• **Problem to work on**
Return the lines of the data below exactly. Start at the first and end with the line containing "#56=IFCINDEXEDPOLYGONALFACE((67,71,72,68));".

● ● ● ● ●

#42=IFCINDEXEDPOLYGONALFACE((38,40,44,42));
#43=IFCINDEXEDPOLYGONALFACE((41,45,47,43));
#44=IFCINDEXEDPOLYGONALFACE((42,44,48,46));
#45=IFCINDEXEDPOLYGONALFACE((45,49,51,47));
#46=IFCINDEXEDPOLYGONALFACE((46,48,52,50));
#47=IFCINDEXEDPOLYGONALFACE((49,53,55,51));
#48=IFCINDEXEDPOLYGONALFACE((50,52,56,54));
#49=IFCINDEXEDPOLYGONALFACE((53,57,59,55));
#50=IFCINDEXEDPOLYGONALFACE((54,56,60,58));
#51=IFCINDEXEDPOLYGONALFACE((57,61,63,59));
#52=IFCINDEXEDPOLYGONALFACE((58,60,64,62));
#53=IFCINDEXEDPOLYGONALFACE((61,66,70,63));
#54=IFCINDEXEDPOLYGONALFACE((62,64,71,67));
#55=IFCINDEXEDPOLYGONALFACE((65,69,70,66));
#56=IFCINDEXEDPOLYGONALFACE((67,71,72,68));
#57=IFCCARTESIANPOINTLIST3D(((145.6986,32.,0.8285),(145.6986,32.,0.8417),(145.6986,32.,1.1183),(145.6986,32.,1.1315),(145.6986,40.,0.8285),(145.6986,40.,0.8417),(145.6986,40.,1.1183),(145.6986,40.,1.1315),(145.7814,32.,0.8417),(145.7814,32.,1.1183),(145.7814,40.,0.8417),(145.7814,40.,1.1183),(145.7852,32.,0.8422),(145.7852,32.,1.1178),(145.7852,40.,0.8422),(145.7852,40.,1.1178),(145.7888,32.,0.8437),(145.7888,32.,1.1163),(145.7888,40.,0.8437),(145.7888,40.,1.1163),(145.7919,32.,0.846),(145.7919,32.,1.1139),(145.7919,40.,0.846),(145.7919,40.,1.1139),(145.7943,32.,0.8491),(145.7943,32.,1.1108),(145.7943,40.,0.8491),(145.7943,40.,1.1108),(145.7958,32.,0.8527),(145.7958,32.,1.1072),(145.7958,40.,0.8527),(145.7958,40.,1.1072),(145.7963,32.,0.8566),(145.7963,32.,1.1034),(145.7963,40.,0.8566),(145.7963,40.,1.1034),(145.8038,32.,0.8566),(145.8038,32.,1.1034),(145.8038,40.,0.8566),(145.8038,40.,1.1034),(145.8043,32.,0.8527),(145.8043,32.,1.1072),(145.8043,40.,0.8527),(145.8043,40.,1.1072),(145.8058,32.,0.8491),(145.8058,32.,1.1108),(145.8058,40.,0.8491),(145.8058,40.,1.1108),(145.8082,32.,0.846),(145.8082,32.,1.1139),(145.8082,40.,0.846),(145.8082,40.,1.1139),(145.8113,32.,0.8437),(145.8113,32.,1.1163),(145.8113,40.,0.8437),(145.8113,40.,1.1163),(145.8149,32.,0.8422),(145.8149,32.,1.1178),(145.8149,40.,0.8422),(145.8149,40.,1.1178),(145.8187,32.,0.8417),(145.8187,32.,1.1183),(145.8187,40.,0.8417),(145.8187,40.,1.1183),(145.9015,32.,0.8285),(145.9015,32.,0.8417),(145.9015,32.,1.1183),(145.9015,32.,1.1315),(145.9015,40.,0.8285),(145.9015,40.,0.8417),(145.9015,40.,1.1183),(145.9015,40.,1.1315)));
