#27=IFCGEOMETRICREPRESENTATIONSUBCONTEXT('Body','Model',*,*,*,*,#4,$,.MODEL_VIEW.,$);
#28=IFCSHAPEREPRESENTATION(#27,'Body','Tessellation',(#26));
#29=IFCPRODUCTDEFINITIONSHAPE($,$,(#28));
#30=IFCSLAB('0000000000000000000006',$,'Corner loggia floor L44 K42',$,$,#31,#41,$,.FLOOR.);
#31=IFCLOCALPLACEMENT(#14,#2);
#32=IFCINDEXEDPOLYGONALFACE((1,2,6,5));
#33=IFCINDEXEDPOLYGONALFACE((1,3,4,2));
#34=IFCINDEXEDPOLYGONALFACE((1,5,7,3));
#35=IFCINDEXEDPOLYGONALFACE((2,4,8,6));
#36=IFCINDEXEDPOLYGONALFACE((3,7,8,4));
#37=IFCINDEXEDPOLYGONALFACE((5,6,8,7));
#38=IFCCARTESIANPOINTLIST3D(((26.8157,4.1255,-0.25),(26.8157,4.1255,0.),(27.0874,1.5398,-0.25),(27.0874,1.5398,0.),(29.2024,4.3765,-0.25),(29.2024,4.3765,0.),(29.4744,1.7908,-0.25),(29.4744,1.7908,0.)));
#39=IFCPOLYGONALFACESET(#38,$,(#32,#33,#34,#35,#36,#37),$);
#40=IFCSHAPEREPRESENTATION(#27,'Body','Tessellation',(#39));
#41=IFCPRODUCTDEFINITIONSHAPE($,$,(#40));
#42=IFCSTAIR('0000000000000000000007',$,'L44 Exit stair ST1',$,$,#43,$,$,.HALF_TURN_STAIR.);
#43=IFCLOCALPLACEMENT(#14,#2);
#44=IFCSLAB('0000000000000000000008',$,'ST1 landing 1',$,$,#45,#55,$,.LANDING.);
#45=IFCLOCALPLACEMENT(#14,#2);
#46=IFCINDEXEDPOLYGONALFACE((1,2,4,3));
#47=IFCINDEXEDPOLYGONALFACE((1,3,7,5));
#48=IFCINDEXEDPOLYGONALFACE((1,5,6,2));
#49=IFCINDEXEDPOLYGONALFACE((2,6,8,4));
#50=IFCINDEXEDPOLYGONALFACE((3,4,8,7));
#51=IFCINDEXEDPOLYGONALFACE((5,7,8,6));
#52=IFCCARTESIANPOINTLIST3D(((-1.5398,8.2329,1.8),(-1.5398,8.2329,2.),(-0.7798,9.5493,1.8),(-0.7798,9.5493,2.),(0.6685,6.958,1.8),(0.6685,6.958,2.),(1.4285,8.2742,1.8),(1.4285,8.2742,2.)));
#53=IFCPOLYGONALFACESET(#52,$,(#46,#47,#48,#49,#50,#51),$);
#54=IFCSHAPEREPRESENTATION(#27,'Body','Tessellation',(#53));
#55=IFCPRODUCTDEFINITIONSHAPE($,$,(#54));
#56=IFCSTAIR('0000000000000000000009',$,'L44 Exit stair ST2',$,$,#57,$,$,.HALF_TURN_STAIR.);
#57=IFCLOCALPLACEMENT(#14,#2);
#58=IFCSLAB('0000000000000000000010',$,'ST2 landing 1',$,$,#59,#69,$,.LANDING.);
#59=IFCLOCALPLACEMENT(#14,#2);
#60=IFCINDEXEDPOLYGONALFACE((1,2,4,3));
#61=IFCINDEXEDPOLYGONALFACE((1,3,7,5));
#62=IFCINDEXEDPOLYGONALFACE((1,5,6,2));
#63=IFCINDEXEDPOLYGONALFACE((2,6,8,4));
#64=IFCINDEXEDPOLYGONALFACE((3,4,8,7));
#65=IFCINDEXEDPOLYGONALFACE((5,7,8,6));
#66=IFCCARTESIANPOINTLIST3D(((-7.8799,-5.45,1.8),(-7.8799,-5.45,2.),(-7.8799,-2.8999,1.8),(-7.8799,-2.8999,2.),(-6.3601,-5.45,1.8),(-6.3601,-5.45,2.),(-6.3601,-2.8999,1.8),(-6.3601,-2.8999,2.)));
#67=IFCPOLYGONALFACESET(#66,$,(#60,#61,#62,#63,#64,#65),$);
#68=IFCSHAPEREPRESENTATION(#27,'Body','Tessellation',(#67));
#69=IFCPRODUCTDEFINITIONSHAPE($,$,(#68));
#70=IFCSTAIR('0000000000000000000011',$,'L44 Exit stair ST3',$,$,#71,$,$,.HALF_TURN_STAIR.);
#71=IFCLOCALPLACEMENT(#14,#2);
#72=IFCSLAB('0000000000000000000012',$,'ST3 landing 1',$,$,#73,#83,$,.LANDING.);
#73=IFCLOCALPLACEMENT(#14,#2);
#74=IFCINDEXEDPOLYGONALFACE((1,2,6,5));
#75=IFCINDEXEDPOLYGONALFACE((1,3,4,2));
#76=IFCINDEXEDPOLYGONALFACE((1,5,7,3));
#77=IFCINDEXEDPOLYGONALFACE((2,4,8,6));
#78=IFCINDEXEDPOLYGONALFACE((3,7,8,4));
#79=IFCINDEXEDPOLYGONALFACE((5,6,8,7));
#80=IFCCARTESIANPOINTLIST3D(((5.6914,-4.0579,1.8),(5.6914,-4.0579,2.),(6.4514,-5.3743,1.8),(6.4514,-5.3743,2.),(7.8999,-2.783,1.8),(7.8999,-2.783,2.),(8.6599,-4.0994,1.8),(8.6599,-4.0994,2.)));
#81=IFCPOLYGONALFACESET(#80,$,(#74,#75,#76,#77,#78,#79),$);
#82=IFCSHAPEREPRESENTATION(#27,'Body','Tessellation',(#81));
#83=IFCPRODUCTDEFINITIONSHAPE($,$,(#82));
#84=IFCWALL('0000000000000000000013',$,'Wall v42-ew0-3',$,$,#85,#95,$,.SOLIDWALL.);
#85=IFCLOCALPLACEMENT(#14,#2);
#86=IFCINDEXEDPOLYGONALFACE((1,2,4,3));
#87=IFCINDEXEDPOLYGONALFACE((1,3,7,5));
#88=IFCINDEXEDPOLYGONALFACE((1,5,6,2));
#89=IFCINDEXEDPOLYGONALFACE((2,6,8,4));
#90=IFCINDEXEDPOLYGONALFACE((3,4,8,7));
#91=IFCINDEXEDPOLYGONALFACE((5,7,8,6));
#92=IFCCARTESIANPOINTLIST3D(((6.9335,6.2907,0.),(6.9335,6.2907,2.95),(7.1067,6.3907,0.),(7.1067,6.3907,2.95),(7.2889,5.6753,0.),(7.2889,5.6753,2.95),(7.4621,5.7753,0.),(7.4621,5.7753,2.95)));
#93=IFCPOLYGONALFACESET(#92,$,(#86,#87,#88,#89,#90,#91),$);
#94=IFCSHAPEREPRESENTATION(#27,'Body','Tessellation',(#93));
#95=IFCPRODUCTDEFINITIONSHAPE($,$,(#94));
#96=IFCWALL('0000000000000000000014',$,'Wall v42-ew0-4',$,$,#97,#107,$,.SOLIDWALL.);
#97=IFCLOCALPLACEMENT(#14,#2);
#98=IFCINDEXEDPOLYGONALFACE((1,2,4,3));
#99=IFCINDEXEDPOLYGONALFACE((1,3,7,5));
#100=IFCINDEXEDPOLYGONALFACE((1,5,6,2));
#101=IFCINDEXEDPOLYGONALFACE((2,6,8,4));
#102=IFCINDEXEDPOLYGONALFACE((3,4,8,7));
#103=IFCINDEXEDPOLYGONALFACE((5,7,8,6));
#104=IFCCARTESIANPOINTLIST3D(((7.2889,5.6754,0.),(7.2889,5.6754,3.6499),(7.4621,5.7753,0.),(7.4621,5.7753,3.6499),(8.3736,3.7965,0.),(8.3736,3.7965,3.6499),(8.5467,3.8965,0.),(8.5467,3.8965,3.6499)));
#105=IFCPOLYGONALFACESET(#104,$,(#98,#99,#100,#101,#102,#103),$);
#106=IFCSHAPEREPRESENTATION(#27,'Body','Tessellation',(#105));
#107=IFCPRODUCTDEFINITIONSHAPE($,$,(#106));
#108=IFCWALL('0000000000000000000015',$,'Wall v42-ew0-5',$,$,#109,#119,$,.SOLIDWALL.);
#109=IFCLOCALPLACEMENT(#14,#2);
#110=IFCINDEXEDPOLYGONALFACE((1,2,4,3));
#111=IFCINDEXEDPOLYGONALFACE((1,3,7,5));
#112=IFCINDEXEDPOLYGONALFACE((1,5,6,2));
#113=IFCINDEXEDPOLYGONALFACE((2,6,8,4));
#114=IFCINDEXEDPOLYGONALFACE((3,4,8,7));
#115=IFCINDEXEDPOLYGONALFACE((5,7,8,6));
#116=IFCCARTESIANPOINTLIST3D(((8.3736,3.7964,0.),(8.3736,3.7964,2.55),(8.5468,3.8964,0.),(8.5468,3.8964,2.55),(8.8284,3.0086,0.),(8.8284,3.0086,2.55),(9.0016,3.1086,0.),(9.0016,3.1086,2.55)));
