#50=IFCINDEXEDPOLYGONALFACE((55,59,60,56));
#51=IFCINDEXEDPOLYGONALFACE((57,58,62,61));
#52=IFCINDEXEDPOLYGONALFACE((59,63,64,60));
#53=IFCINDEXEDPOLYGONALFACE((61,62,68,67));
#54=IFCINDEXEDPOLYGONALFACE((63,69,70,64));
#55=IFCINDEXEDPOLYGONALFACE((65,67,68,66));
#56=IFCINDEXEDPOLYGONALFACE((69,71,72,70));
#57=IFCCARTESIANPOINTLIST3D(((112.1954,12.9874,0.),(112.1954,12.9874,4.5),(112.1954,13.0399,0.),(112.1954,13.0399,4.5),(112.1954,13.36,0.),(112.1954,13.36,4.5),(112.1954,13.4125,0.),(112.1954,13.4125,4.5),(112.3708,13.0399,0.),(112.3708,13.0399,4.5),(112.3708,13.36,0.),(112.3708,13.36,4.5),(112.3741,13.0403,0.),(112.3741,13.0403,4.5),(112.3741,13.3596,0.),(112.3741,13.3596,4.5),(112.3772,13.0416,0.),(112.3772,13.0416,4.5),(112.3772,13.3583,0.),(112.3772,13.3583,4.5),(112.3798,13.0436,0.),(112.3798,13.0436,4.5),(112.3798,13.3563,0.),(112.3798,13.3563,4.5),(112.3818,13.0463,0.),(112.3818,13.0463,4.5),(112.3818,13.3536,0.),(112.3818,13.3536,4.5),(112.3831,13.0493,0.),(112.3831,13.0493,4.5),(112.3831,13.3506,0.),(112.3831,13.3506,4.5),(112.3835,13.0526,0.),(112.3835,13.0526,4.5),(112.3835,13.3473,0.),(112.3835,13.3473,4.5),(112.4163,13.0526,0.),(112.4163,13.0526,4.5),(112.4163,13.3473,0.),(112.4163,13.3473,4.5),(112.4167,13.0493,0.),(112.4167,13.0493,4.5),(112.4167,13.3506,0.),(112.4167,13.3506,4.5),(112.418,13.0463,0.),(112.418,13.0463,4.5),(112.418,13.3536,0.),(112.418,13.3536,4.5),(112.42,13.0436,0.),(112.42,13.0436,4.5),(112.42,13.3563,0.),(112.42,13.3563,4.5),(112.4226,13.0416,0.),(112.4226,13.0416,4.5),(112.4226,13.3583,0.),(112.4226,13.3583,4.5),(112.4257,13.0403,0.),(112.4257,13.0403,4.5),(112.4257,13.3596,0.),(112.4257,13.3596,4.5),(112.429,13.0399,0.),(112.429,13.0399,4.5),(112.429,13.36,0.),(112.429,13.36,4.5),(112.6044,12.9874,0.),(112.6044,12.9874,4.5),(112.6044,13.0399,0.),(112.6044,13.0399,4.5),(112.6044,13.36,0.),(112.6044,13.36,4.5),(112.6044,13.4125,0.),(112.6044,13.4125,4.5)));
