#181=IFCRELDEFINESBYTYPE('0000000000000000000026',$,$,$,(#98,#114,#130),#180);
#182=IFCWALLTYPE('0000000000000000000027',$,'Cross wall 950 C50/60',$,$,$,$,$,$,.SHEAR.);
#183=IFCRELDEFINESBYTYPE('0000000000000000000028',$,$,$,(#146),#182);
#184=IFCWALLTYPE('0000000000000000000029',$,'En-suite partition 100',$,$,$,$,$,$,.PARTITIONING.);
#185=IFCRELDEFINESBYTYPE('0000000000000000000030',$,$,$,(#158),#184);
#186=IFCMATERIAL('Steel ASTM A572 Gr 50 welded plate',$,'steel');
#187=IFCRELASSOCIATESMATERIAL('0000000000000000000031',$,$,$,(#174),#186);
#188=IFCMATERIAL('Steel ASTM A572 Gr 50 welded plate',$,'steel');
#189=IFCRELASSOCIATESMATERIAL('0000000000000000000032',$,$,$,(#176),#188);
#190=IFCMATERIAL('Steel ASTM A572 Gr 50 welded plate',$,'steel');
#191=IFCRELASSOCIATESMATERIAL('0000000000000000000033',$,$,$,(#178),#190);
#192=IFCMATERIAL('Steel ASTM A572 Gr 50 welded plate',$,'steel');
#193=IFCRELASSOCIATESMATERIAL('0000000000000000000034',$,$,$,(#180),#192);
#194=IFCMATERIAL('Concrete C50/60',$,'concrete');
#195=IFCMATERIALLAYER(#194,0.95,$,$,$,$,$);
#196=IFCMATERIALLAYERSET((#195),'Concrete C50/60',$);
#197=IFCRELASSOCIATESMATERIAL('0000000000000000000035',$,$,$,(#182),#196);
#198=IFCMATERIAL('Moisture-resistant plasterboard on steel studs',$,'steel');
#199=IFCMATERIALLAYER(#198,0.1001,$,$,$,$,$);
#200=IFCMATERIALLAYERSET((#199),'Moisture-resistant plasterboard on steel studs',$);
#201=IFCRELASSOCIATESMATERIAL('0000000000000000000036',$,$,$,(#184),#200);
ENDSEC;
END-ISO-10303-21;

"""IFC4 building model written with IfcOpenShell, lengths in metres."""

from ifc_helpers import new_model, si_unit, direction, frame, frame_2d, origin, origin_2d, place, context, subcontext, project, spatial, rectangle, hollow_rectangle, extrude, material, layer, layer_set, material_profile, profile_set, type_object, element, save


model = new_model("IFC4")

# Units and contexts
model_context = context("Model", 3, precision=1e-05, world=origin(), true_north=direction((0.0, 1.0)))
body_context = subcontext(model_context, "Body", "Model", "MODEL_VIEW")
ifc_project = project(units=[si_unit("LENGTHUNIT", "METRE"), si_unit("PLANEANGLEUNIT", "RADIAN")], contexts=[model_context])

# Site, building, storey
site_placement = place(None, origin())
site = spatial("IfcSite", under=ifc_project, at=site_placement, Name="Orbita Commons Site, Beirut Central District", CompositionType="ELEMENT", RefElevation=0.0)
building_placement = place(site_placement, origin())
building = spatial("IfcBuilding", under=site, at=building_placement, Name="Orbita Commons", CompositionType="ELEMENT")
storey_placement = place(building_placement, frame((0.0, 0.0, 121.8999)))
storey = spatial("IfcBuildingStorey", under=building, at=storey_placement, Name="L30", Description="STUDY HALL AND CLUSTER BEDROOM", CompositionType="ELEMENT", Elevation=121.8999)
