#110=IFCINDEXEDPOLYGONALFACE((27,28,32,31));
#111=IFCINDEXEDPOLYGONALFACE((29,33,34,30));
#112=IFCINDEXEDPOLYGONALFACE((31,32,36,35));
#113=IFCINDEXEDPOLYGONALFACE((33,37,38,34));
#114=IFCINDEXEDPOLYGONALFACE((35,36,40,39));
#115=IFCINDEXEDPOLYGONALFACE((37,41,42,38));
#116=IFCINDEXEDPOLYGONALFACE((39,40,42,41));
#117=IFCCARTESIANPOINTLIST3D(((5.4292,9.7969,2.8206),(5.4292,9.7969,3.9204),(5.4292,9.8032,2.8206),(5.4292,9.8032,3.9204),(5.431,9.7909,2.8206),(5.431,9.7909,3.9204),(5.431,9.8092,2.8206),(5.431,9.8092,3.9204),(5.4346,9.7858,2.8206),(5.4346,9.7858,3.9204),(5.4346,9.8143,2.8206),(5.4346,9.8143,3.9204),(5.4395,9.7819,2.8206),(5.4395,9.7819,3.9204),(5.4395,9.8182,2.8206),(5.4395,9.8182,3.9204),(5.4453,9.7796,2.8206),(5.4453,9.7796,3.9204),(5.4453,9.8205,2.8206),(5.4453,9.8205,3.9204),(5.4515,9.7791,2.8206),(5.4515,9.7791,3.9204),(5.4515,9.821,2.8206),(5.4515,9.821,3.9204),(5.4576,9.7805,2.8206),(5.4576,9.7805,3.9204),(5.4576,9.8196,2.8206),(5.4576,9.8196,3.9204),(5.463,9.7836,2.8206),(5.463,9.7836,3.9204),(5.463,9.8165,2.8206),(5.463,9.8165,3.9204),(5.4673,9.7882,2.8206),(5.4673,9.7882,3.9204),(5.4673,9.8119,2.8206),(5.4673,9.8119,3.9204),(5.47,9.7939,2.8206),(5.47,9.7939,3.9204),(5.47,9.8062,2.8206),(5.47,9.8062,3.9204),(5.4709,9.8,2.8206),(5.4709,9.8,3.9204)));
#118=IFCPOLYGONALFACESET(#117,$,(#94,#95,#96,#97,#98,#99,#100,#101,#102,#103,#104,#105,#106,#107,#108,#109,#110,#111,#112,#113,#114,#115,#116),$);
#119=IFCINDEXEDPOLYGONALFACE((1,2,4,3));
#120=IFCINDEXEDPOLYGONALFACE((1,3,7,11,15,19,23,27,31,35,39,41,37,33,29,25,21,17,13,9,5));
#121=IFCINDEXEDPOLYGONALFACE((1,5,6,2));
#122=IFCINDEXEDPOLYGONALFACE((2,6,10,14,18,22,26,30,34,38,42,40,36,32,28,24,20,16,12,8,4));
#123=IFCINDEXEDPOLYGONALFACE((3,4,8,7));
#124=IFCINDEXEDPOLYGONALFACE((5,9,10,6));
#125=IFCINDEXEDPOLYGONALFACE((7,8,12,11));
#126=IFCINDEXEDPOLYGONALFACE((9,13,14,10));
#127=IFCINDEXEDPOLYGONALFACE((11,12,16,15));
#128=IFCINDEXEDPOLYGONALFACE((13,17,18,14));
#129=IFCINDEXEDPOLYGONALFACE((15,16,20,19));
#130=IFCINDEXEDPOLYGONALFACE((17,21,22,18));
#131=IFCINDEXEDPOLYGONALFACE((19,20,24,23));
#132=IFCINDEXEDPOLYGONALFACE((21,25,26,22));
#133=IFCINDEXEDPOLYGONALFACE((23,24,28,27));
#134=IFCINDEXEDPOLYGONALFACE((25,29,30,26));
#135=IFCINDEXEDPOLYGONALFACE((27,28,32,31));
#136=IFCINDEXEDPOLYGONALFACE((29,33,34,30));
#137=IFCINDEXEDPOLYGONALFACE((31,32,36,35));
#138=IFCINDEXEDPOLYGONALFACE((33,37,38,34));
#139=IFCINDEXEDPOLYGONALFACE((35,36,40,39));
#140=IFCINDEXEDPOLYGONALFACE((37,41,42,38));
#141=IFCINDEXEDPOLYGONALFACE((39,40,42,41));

● ● ● ● ●

• **Exercise result**
#42=IFCINDEXEDPOLYGONALFACE((38,40,44,42));
#43=IFCINDEXEDPOLYGONALFACE((41,45,47,43));
#44=IFCINDEXEDPOLYGONALFACE((42,44,48,46));
#45=IFCINDEXEDPOLYGONALFACE((45,49,51,47));
#46=IFCINDEXEDPOLYGONALFACE((46,48,52,50));
#47=IFCINDEXEDPOLYGONALFACE((49,53,55,51));
#48=IFCINDEXEDPOLYGONALFACE((50,52,56,54));
#49=IFCINDEXEDPOLYGONALFACE((53,57,59,55));
#50=IFCINDEXEDPOLYGONALFACE((54,56,60,58));
#51=IFCINDEXEDPOLYGONALFACE((57,61,63,59));
#52=IFCINDEXEDPOLYGONALFACE((58,60,64,62));
#53=IFCINDEXEDPOLYGONALFACE((61,66,70,63));
#54=IFCINDEXEDPOLYGONALFACE((62,64,71,67));
#55=IFCINDEXEDPOLYGONALFACE((65,69,70,66));
#56=IFCINDEXEDPOLYGONALFACE((67,71,72,68));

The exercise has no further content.